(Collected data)
======

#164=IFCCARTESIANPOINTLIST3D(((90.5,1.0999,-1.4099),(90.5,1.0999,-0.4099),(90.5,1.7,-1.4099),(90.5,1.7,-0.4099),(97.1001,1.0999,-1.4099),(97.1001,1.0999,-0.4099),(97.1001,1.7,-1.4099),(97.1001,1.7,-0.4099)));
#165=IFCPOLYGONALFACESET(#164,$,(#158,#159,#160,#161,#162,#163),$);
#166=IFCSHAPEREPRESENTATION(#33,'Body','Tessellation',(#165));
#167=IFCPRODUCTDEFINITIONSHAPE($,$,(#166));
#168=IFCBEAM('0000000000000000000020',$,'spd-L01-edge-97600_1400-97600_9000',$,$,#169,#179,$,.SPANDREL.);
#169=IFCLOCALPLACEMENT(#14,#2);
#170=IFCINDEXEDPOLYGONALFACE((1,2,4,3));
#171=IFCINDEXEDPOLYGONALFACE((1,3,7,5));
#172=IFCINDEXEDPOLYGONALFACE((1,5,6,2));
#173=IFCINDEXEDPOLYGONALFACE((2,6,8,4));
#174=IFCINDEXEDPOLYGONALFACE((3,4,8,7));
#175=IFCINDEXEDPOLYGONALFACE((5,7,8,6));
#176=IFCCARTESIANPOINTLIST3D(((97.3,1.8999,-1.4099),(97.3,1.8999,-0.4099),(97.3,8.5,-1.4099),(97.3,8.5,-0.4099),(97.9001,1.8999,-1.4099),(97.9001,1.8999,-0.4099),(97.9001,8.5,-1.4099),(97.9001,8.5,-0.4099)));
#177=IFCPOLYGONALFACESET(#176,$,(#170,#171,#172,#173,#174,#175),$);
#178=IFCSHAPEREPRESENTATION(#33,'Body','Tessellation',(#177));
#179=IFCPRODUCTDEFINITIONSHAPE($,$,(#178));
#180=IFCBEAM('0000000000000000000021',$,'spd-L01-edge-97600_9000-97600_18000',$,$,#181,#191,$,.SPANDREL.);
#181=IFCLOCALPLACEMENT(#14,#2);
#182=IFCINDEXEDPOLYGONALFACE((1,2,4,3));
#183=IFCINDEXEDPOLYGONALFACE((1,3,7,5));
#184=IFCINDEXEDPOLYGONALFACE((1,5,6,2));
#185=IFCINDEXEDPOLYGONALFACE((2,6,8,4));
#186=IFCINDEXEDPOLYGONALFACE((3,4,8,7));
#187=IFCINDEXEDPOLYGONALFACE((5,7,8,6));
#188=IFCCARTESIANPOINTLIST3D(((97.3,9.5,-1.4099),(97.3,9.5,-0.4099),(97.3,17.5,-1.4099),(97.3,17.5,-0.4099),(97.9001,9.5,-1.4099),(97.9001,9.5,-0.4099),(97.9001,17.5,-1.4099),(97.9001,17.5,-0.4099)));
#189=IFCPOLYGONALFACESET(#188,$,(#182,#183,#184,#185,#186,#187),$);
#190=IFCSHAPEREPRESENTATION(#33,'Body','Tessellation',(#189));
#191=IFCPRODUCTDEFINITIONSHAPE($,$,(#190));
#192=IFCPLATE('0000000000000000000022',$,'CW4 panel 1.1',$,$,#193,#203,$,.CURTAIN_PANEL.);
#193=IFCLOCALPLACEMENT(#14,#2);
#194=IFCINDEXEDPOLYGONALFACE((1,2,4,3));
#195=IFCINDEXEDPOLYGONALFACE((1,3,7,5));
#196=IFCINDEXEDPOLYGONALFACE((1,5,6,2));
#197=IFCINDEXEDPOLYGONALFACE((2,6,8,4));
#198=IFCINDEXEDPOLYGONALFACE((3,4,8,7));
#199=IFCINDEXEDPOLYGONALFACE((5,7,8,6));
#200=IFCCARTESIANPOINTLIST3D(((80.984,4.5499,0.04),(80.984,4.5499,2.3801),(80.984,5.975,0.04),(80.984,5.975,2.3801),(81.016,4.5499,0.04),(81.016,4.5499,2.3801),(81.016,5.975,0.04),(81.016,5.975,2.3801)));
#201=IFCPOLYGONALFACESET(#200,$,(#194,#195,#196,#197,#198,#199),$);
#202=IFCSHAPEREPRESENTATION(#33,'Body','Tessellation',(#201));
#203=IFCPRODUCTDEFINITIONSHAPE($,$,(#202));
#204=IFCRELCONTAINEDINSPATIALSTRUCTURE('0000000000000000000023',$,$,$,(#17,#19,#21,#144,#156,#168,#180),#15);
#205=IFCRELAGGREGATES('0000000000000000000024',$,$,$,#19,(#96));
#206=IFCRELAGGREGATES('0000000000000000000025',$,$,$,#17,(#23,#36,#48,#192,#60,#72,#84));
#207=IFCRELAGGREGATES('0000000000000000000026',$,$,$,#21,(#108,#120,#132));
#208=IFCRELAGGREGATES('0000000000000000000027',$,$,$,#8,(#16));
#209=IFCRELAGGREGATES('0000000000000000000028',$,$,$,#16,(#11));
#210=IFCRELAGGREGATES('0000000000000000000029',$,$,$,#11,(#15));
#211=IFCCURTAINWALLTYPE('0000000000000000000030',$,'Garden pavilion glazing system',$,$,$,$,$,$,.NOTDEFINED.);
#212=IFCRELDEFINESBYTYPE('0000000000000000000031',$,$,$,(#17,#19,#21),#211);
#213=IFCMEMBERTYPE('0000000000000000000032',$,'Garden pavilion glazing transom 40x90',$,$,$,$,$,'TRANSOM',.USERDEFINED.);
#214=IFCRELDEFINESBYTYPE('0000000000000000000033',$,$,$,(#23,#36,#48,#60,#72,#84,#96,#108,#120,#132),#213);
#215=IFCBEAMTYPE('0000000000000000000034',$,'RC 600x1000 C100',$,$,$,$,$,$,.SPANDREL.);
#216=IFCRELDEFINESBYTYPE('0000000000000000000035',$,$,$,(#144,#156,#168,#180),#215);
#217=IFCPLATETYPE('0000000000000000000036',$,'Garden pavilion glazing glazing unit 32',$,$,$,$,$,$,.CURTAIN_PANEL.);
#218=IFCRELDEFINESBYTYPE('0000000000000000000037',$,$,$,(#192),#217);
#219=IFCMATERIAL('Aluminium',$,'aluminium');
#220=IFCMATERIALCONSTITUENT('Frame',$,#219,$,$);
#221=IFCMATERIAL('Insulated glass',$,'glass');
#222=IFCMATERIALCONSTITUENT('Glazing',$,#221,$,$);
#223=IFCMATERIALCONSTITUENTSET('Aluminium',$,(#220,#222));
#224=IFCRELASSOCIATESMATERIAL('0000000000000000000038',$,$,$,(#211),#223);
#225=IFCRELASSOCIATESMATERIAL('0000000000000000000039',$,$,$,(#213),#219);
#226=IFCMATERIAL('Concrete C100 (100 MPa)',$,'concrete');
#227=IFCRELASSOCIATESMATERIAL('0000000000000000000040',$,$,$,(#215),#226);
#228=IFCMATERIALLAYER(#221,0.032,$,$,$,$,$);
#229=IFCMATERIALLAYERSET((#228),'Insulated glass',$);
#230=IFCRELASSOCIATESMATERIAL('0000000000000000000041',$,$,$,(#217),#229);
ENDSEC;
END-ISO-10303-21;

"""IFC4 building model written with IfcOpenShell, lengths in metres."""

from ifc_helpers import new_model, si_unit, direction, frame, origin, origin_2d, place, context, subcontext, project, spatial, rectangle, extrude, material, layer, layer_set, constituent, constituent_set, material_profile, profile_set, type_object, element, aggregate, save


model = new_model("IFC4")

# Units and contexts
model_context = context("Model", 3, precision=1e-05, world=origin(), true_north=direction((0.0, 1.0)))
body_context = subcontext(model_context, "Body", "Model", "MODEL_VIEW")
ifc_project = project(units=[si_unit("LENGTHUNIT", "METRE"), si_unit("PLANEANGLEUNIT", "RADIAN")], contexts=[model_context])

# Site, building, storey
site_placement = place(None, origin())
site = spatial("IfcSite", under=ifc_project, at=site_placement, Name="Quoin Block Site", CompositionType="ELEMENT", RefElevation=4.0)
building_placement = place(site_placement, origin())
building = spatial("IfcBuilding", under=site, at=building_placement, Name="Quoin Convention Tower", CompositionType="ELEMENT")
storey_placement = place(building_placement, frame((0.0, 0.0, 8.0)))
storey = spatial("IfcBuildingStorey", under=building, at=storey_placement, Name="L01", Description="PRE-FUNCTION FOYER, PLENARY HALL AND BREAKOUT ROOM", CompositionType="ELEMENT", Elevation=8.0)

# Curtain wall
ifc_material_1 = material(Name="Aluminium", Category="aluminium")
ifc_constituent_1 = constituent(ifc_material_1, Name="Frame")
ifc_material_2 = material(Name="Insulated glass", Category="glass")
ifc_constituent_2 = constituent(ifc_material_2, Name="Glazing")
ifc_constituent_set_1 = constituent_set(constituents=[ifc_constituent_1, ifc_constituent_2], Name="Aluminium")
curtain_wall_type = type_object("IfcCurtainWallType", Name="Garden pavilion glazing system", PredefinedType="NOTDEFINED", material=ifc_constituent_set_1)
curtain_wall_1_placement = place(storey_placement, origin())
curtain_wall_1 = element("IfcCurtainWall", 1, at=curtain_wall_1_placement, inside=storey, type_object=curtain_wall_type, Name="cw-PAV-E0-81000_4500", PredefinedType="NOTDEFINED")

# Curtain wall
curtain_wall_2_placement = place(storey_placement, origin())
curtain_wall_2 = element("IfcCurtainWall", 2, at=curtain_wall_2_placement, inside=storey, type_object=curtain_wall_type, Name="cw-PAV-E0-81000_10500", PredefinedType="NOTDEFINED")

======

### Your task:
If the string "Insulated" appears in a line of the entries, report the line.

### Reply to the exercise:
#221=IFCMATERIAL('Insulated glass',$,'glass');
#229=IFCMATERIALLAYERSET((#228),'Insulated glass',$);
ifc_material_2 = material(Name="Insulated glass", Category="glass")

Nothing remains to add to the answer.